** Data provided **
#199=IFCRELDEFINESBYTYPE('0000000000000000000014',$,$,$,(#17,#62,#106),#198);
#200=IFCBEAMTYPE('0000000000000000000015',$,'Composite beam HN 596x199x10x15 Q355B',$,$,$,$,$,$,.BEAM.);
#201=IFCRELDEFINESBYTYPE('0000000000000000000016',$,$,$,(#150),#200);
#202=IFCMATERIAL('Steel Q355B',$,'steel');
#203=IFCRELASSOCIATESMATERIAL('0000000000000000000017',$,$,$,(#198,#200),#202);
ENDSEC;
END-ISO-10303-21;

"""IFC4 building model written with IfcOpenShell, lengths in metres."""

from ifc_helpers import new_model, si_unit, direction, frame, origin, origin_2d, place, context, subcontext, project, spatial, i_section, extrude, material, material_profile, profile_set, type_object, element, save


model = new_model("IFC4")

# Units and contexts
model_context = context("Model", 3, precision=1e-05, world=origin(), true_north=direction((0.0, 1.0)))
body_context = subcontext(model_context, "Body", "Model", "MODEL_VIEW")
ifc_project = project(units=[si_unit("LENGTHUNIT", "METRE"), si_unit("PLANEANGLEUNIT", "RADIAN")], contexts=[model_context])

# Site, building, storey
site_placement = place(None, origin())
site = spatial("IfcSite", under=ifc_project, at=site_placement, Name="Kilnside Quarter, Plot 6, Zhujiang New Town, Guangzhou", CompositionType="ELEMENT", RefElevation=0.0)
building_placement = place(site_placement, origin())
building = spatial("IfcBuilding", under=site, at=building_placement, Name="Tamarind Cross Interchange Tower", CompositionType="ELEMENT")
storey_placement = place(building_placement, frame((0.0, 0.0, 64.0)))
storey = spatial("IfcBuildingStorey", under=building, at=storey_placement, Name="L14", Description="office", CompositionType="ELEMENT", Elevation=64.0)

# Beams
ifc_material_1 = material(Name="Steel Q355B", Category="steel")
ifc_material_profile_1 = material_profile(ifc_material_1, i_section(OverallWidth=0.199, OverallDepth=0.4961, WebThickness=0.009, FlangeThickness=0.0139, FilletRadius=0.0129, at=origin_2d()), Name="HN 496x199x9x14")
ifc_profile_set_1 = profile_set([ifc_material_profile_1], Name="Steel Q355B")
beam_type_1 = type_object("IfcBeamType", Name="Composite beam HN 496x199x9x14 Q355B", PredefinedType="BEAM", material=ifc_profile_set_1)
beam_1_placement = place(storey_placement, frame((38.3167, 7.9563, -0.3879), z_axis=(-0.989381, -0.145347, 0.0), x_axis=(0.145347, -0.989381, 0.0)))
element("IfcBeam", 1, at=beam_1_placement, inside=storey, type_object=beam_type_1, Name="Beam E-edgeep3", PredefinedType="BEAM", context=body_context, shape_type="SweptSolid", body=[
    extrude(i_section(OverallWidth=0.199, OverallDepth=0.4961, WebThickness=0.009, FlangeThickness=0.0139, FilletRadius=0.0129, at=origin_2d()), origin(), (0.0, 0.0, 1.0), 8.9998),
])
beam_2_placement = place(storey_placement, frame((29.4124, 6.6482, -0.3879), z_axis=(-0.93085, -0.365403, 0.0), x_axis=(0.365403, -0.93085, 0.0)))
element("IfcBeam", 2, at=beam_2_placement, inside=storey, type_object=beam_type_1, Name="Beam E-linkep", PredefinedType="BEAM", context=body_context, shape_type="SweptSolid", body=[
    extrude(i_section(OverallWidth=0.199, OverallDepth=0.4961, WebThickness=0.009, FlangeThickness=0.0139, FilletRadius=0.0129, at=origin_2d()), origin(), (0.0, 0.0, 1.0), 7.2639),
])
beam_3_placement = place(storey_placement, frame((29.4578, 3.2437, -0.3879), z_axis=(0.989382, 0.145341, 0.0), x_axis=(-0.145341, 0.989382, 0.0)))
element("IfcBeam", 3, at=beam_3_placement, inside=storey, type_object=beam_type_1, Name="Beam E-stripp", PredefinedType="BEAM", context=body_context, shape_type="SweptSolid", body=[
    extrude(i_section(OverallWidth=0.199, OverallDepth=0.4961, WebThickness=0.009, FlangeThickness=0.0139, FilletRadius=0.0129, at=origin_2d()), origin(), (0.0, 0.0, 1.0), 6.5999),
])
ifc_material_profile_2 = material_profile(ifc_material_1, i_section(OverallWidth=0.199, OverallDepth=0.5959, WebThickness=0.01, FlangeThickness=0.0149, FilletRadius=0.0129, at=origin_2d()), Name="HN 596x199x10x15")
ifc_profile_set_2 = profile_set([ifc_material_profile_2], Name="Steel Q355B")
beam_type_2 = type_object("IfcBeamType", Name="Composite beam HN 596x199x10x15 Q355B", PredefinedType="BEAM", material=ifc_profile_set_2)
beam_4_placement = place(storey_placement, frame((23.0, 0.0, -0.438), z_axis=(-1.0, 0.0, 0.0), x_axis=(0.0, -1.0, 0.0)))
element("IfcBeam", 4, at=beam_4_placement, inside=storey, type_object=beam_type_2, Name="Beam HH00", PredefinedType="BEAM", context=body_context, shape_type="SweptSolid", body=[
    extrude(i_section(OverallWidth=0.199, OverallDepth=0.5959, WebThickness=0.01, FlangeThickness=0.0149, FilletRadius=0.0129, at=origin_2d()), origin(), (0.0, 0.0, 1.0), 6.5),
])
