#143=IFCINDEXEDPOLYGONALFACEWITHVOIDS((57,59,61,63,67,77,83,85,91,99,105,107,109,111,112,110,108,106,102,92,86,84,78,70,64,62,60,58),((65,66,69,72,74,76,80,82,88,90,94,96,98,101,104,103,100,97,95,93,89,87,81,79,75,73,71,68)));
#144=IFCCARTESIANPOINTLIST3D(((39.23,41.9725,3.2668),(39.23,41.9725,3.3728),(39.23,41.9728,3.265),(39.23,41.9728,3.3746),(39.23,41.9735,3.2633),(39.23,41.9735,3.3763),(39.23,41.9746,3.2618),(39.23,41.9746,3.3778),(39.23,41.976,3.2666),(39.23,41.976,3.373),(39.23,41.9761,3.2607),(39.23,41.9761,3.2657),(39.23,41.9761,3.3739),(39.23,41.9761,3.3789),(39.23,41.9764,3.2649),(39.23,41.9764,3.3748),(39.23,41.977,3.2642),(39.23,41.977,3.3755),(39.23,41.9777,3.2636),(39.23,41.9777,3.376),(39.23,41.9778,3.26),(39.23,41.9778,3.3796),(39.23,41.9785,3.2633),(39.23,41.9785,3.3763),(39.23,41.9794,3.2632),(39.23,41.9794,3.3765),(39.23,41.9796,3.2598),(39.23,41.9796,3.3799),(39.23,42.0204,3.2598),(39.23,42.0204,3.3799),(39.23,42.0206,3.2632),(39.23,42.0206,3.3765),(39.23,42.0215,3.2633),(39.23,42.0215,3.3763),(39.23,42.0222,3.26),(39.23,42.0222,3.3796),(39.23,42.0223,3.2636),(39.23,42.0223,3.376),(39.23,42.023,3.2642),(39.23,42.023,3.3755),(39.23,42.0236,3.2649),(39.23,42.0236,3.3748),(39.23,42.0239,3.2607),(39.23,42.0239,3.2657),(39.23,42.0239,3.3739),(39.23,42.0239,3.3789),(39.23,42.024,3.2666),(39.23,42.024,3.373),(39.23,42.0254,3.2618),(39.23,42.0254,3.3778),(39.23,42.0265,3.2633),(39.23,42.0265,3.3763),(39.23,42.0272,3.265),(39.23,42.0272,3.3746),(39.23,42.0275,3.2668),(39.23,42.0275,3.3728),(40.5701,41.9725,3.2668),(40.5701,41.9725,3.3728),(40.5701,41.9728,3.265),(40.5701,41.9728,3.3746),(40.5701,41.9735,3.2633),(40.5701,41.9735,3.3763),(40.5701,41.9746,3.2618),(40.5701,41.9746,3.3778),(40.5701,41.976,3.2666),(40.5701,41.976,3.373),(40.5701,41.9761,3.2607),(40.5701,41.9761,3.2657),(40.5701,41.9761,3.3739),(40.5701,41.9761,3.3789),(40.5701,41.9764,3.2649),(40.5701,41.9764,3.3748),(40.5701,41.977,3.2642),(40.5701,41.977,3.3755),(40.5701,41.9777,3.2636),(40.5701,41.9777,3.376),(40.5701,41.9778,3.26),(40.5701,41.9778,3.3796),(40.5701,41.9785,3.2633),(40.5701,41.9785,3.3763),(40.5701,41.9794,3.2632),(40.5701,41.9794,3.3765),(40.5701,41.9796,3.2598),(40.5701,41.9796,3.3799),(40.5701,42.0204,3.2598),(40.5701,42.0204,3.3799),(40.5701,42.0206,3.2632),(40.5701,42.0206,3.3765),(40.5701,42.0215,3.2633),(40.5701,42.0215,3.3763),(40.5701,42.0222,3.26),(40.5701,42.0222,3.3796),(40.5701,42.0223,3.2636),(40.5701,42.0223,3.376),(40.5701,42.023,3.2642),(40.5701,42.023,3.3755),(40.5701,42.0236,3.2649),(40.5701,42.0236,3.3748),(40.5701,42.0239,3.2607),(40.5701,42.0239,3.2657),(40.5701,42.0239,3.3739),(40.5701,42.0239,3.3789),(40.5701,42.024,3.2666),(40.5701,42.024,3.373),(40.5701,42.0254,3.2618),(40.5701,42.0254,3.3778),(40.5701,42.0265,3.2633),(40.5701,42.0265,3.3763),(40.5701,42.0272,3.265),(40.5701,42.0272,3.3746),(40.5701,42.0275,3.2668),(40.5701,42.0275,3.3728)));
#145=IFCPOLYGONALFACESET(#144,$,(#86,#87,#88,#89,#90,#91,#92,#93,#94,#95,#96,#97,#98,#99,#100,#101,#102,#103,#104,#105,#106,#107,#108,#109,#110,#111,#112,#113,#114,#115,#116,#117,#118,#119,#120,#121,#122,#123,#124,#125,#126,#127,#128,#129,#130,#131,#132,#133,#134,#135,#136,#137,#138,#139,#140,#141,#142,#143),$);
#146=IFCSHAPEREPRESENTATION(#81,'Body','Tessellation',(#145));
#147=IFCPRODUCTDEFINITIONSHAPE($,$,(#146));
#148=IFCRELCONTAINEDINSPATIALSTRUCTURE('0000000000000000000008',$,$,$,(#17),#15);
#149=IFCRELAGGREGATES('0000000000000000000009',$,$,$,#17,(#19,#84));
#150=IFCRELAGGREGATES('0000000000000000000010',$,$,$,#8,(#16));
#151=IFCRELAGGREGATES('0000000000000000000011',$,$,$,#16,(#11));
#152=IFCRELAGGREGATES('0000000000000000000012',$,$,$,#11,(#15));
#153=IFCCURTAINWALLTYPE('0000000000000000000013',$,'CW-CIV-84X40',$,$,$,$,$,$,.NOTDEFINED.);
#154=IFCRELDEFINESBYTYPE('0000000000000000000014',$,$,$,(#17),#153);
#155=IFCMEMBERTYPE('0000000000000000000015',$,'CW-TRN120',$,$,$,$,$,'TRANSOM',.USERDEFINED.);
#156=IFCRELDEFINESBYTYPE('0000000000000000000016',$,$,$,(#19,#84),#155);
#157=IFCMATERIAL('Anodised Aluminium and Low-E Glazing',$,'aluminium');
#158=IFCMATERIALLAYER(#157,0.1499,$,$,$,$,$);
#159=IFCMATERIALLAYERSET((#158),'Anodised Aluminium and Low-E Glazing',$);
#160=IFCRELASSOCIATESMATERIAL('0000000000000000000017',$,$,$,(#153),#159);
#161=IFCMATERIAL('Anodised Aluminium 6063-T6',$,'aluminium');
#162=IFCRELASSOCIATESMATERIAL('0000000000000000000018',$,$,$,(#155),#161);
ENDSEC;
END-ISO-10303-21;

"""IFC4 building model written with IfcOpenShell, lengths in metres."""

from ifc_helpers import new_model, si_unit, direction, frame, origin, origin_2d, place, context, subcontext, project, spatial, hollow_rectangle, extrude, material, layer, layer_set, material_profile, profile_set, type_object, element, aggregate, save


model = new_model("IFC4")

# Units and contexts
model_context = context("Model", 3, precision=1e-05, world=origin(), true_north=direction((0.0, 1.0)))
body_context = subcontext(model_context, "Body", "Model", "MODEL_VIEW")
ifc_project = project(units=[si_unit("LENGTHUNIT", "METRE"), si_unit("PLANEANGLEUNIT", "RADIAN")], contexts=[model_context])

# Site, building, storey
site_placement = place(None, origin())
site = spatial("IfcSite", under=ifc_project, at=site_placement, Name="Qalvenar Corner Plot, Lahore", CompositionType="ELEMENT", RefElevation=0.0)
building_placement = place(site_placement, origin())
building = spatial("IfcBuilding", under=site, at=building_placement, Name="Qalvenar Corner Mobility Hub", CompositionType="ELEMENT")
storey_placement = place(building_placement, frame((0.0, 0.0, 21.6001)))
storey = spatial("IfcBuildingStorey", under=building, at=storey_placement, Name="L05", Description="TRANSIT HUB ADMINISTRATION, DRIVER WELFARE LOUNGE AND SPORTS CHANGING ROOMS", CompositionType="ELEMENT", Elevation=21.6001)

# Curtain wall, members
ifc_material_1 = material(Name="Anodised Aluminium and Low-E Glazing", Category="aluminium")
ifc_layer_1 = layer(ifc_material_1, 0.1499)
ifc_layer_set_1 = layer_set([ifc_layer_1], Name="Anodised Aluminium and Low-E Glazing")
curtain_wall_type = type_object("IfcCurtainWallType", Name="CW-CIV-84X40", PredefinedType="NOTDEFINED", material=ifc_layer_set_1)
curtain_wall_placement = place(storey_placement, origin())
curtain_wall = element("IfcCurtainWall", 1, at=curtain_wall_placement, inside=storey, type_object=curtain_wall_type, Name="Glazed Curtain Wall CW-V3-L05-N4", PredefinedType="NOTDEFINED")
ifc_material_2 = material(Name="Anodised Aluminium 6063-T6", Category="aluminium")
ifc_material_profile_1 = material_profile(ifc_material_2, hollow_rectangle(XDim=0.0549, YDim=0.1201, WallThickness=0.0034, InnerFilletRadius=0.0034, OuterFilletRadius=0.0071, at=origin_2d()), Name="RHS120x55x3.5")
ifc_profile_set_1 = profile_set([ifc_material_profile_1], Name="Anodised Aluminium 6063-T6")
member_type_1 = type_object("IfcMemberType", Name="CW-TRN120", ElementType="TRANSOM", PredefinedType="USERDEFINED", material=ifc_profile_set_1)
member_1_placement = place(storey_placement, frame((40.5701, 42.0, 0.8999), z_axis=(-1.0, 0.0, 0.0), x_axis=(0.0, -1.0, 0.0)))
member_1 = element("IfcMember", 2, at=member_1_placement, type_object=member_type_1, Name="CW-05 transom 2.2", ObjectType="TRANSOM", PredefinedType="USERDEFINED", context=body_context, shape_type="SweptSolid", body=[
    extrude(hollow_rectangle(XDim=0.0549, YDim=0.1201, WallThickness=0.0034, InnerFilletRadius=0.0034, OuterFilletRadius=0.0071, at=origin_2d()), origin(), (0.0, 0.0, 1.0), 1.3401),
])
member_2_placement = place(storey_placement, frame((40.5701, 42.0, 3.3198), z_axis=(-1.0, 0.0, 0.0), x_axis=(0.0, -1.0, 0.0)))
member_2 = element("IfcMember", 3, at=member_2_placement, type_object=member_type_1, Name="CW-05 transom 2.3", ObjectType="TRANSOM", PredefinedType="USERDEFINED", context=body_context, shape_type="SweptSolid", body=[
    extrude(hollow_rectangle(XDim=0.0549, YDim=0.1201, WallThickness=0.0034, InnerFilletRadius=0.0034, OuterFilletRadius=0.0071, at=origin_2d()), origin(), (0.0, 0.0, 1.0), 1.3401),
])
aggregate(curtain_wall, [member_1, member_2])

** About this task **
A complete answer lists each line of the data that holds the word "TRANSOM".

** Solved problem **
#155=IFCMEMBERTYPE('0000000000000000000015',$,'CW-TRN120',$,$,$,$,$,'TRANSOM',.USERDEFINED.);
member_type_1 = type_object("IfcMemberType", Name="CW-TRN120", ElementType="TRANSOM", PredefinedType="USERDEFINED", material=ifc_profile_set_1)
member_1 = element("IfcMember", 2, at=member_1_placement, type_object=member_type_1, Name="CW-05 transom 2.2", ObjectType="TRANSOM", PredefinedType="USERDEFINED", context=body_context, shape_type="SweptSolid", body=[
member_2 = element("IfcMember", 3, at=member_2_placement, type_object=member_type_1, Name="CW-05 transom 2.3", ObjectType="TRANSOM", PredefinedType="USERDEFINED", context=body_context, shape_type="SweptSolid", body=[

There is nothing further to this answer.